Aim of the task: Exactly reproduce the lines from the top of the entries below through the line containing "#187=IFCRELAGGREGATES('0000000000000000000012',$,$,$,#8,(#16));", with both ends included.

+++

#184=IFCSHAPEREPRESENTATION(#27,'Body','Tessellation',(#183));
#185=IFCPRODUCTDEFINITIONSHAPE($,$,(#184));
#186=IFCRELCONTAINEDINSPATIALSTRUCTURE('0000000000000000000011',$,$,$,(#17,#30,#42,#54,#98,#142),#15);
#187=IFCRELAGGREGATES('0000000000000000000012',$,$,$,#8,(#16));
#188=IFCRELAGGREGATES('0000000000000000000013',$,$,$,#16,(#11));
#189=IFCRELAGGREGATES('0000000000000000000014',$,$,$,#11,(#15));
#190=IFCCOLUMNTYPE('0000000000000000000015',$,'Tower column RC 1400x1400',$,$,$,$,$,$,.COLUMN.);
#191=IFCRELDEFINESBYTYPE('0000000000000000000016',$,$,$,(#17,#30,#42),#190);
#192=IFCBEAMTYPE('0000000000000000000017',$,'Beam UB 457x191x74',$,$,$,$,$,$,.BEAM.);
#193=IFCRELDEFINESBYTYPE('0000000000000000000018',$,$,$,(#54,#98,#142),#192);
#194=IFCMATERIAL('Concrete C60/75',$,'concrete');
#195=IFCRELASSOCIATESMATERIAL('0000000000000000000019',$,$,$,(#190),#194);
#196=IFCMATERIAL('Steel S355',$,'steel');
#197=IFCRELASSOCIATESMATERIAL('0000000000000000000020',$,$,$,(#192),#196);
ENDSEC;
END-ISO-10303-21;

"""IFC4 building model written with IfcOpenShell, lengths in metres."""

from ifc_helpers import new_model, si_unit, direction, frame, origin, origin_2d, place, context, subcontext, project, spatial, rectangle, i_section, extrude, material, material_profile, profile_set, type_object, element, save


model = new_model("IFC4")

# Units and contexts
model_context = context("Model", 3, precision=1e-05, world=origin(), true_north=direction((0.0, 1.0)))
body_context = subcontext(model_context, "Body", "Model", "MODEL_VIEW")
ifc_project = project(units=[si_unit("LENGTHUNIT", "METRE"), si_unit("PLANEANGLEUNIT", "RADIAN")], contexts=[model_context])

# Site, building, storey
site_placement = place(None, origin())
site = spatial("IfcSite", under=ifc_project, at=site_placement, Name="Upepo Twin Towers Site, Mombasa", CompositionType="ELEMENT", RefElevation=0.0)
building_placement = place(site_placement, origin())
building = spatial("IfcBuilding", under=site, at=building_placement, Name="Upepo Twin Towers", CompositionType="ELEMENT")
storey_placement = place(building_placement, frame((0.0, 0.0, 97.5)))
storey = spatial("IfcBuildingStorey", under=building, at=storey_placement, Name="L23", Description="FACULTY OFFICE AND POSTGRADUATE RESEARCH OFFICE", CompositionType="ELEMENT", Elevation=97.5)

+++

Output of the exercise:
#184=IFCSHAPEREPRESENTATION(#27,'Body','Tessellation',(#183));
#185=IFCPRODUCTDEFINITIONSHAPE($,$,(#184));
#186=IFCRELCONTAINEDINSPATIALSTRUCTURE('0000000000000000000011',$,$,$,(#17,#30,#42,#54,#98,#142),#15);
#187=IFCRELAGGREGATES('0000000000000000000012',$,$,$,#8,(#16));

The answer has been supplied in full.